Prompt
Go through the material below and copy all lines with "coated".

Information provided

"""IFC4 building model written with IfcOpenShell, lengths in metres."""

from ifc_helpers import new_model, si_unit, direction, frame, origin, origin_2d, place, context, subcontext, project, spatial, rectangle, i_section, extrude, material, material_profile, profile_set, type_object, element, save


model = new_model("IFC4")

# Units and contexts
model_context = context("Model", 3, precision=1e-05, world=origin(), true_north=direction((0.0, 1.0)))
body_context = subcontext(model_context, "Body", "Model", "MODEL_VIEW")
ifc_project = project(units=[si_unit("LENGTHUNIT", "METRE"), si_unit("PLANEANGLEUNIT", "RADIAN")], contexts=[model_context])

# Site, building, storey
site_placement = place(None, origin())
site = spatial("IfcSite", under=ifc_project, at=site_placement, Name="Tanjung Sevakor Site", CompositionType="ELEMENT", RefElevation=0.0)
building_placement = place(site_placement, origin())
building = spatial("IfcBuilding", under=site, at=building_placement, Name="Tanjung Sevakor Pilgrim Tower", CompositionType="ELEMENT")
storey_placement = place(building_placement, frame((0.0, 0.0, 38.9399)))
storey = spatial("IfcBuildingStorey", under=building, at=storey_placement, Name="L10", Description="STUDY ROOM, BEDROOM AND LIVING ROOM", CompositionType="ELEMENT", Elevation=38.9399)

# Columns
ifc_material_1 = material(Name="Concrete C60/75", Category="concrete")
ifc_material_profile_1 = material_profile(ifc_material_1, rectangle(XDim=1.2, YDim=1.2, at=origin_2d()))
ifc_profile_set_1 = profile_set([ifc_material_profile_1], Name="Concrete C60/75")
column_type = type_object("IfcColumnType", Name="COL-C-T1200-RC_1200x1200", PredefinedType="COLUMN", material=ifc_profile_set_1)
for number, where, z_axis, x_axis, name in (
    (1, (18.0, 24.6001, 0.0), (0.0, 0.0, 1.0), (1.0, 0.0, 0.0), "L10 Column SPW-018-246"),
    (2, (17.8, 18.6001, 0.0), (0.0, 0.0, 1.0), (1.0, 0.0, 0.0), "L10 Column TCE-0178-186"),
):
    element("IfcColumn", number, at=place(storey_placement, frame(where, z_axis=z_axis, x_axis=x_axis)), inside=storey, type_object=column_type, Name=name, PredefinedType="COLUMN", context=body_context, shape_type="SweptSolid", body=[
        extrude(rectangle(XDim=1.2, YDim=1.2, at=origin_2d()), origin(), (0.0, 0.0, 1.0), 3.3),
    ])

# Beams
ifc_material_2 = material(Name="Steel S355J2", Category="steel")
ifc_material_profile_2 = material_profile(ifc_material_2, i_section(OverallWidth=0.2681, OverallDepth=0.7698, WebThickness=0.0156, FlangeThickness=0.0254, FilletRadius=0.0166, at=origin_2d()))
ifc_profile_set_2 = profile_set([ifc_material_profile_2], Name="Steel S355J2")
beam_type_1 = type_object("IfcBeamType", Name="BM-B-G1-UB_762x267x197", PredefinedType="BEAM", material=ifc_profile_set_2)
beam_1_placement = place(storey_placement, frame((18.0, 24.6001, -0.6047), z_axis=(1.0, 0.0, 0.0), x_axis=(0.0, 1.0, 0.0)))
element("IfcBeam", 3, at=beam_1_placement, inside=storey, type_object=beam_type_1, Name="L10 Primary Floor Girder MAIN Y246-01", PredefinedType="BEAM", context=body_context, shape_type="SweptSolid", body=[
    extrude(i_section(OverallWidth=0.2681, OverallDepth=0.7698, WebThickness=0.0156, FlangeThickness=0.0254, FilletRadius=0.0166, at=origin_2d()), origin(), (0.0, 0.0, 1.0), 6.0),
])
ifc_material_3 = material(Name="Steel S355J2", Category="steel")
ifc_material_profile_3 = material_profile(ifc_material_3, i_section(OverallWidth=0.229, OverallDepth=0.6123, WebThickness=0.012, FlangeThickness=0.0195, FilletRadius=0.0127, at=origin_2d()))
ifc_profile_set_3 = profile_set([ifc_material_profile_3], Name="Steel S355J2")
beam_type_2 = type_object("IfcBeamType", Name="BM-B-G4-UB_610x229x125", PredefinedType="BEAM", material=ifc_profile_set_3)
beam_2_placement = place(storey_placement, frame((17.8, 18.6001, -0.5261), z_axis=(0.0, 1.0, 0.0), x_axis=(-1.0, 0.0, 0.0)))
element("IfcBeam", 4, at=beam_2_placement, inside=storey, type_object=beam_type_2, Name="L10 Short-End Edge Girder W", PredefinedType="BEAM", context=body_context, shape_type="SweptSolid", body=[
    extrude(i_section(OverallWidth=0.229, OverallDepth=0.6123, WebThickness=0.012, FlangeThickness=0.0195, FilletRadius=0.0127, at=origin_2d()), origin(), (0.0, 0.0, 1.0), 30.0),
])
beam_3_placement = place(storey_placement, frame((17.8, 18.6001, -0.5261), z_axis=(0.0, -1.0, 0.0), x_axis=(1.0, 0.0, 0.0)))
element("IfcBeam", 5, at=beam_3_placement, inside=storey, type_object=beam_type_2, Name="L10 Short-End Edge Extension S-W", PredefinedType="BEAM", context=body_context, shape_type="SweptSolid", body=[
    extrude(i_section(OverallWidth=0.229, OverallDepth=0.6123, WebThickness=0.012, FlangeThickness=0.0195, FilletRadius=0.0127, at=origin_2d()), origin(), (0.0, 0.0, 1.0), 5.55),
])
--
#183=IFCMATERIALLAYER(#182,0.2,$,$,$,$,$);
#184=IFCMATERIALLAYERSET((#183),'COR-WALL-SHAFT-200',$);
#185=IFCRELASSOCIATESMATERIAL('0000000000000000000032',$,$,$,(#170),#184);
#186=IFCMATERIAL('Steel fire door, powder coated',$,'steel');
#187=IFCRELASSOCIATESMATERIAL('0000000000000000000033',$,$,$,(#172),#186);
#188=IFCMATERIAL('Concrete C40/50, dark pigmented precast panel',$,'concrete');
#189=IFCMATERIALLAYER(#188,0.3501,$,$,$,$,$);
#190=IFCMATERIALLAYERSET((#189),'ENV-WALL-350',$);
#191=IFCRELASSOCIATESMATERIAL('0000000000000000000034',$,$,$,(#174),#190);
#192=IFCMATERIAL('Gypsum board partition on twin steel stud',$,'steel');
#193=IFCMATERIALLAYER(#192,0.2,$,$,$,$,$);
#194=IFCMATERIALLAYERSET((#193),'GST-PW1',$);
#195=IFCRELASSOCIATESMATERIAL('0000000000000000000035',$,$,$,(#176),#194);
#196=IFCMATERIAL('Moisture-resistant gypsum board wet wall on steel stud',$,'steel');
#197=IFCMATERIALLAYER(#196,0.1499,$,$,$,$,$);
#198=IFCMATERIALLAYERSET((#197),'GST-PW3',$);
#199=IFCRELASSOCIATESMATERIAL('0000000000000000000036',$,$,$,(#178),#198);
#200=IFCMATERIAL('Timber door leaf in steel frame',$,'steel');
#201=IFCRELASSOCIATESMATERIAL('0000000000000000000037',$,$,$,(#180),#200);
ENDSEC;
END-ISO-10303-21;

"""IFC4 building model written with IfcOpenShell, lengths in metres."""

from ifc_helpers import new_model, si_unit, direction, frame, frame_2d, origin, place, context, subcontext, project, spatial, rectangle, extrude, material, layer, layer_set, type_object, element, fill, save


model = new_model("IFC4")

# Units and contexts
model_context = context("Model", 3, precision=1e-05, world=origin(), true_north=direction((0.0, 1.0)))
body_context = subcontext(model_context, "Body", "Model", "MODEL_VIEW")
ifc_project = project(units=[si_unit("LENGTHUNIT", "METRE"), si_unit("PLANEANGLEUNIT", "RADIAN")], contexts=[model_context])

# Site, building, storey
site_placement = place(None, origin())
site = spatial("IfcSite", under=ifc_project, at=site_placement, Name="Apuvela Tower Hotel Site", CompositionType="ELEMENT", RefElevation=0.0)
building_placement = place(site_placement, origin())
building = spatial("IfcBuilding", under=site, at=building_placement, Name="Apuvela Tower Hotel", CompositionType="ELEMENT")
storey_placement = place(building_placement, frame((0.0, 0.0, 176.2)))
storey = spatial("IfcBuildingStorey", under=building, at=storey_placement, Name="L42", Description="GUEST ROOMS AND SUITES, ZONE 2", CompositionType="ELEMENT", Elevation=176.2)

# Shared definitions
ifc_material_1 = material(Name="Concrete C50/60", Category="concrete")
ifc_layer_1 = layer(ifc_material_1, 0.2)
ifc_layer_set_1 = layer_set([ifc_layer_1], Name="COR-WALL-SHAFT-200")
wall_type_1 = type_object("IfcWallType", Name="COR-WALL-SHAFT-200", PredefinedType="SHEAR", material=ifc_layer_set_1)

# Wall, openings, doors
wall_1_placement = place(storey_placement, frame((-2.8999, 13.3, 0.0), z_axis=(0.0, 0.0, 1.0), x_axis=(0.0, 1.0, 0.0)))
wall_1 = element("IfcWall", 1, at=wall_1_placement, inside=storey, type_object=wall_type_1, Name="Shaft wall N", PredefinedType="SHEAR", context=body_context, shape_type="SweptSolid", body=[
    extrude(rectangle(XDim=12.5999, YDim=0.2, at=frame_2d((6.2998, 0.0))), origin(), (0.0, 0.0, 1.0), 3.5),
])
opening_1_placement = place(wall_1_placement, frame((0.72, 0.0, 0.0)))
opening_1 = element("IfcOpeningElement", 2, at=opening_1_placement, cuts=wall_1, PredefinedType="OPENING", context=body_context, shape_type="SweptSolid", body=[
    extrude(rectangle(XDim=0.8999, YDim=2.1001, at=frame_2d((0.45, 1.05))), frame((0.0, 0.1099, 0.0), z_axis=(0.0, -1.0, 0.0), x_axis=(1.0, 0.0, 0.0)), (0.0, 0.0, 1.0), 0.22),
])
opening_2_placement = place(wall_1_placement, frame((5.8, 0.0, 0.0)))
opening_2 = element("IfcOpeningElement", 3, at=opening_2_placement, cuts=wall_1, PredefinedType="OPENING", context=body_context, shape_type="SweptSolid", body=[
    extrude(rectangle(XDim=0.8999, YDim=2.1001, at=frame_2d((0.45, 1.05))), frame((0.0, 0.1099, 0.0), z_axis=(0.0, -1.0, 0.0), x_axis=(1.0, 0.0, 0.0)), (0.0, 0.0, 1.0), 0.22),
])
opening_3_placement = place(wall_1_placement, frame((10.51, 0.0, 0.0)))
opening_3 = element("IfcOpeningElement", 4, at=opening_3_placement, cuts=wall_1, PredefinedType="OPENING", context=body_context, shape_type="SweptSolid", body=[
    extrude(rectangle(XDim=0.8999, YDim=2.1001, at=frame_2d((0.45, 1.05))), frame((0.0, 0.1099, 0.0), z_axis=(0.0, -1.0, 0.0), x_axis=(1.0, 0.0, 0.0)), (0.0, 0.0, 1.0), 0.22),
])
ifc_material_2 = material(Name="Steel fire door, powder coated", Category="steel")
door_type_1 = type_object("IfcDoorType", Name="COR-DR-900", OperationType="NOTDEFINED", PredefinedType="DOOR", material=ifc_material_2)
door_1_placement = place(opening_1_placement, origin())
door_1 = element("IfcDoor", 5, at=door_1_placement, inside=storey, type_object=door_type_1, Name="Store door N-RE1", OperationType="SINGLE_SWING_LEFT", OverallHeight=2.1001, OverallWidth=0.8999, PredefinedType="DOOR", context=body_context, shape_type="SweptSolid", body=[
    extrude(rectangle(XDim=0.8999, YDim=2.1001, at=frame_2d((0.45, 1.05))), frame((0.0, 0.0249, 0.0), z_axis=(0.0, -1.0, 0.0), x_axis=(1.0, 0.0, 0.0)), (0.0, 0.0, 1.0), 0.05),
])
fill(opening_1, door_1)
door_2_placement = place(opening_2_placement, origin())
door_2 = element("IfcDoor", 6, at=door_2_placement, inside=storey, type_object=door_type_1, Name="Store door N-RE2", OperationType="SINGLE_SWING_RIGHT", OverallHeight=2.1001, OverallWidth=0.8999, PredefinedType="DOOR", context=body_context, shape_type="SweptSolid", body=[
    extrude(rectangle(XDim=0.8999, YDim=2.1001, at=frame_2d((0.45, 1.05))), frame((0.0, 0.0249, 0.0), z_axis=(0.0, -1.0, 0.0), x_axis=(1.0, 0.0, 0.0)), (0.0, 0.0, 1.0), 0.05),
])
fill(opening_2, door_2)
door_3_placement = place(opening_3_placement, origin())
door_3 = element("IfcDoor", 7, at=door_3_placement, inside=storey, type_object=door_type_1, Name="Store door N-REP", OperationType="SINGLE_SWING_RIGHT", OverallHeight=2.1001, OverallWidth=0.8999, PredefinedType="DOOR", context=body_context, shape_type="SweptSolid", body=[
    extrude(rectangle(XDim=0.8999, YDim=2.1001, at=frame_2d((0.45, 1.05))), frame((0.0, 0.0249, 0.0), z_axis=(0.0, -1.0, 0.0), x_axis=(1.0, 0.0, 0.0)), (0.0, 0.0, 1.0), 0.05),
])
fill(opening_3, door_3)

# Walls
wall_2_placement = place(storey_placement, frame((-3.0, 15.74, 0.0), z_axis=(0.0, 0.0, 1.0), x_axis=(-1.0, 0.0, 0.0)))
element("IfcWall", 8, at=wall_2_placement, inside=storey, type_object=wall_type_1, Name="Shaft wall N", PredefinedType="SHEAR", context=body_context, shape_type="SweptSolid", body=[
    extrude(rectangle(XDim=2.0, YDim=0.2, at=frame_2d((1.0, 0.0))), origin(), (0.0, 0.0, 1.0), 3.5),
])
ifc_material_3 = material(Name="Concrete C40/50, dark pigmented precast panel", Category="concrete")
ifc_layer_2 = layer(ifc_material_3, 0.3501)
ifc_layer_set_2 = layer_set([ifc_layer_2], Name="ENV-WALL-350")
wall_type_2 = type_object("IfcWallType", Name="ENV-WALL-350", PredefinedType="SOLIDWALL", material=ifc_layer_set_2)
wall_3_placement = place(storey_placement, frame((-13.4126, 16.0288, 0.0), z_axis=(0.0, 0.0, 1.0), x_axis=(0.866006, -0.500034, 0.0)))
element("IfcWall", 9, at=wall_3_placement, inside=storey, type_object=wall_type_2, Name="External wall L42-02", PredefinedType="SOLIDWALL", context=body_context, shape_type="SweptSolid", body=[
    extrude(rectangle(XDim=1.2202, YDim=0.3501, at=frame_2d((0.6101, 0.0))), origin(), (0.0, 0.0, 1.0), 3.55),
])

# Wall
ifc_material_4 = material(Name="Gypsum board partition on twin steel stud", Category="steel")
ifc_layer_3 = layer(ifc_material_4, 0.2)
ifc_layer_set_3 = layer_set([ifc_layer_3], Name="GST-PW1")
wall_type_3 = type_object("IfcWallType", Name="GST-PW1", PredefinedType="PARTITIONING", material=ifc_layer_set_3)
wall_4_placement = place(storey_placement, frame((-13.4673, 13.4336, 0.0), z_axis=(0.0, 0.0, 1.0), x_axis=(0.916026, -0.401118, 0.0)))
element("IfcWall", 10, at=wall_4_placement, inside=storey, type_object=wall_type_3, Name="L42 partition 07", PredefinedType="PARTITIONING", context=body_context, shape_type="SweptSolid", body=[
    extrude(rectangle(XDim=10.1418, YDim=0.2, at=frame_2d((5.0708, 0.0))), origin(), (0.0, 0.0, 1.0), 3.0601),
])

Exercise answer
#186=IFCMATERIAL('Steel fire door, powder coated',$,'steel');
ifc_material_2 = material(Name="Steel fire door, powder coated", Category="steel")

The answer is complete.